Exercise instructions
Please reproduce the records, omitting nothing and changing nothing.

Excerpted records
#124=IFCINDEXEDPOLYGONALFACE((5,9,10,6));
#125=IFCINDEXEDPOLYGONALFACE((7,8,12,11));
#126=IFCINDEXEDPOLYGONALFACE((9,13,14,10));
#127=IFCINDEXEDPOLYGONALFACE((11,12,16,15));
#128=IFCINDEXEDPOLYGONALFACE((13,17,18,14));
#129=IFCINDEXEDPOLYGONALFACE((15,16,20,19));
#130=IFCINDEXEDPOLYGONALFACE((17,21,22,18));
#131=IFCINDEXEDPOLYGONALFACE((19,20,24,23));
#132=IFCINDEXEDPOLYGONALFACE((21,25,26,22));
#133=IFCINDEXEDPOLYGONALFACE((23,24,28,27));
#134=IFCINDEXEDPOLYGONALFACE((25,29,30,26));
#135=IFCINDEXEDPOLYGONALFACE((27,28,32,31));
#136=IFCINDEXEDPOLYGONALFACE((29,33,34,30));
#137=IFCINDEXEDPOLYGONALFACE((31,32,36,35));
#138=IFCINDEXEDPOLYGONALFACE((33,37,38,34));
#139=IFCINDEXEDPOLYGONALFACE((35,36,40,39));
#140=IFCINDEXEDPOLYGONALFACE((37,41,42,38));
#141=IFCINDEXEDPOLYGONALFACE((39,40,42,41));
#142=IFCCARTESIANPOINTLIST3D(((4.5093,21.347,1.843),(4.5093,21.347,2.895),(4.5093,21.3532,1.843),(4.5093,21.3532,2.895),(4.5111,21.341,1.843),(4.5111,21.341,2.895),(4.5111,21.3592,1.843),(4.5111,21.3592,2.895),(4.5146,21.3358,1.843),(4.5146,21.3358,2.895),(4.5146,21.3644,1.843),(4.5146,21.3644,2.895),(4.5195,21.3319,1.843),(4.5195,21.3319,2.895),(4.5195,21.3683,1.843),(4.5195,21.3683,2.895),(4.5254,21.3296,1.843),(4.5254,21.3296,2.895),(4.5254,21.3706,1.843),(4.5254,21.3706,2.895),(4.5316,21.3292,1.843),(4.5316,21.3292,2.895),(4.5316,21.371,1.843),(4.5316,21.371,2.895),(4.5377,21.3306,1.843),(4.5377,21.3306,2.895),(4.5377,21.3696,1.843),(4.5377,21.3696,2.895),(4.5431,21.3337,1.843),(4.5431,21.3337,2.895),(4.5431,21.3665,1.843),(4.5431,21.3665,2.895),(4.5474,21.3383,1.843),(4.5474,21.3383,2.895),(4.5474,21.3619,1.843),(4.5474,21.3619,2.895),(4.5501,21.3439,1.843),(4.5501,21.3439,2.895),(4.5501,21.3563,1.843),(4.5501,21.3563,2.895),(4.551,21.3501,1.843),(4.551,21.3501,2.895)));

Output of the task
#124=IFCINDEXEDPOLYGONALFACE((5,9,10,6));
#125=IFCINDEXEDPOLYGONALFACE((7,8,12,11));
#126=IFCINDEXEDPOLYGONALFACE((9,13,14,10));
#127=IFCINDEXEDPOLYGONALFACE((11,12,16,15));
#128=IFCINDEXEDPOLYGONALFACE((13,17,18,14));
#129=IFCINDEXEDPOLYGONALFACE((15,16,20,19));
#130=IFCINDEXEDPOLYGONALFACE((17,21,22,18));
#131=IFCINDEXEDPOLYGONALFACE((19,20,24,23));
#132=IFCINDEXEDPOLYGONALFACE((21,25,26,22));
#133=IFCINDEXEDPOLYGONALFACE((23,24,28,27));
#134=IFCINDEXEDPOLYGONALFACE((25,29,30,26));
#135=IFCINDEXEDPOLYGONALFACE((27,28,32,31));
#136=IFCINDEXEDPOLYGONALFACE((29,33,34,30));
#137=IFCINDEXEDPOLYGONALFACE((31,32,36,35));
#138=IFCINDEXEDPOLYGONALFACE((33,37,38,34));
#139=IFCINDEXEDPOLYGONALFACE((35,36,40,39));
#140=IFCINDEXEDPOLYGONALFACE((37,41,42,38));
#141=IFCINDEXEDPOLYGONALFACE((39,40,42,41));
#142=IFCCARTESIANPOINTLIST3D(((4.5093,21.347,1.843),(4.5093,21.347,2.895),(4.5093,21.3532,1.843),(4.5093,21.3532,2.895),(4.5111,21.341,1.843),(4.5111,21.341,2.895),(4.5111,21.3592,1.843),(4.5111,21.3592,2.895),(4.5146,21.3358,1.843),(4.5146,21.3358,2.895),(4.5146,21.3644,1.843),(4.5146,21.3644,2.895),(4.5195,21.3319,1.843),(4.5195,21.3319,2.895),(4.5195,21.3683,1.843),(4.5195,21.3683,2.895),(4.5254,21.3296,1.843),(4.5254,21.3296,2.895),(4.5254,21.3706,1.843),(4.5254,21.3706,2.895),(4.5316,21.3292,1.843),(4.5316,21.3292,2.895),(4.5316,21.371,1.843),(4.5316,21.371,2.895),(4.5377,21.3306,1.843),(4.5377,21.3306,2.895),(4.5377,21.3696,1.843),(4.5377,21.3696,2.895),(4.5431,21.3337,1.843),(4.5431,21.3337,2.895),(4.5431,21.3665,1.843),(4.5431,21.3665,2.895),(4.5474,21.3383,1.843),(4.5474,21.3383,2.895),(4.5474,21.3619,1.843),(4.5474,21.3619,2.895),(4.5501,21.3439,1.843),(4.5501,21.3439,2.895),(4.5501,21.3563,1.843),(4.5501,21.3563,2.895),(4.551,21.3501,1.843),(4.551,21.3501,2.895)));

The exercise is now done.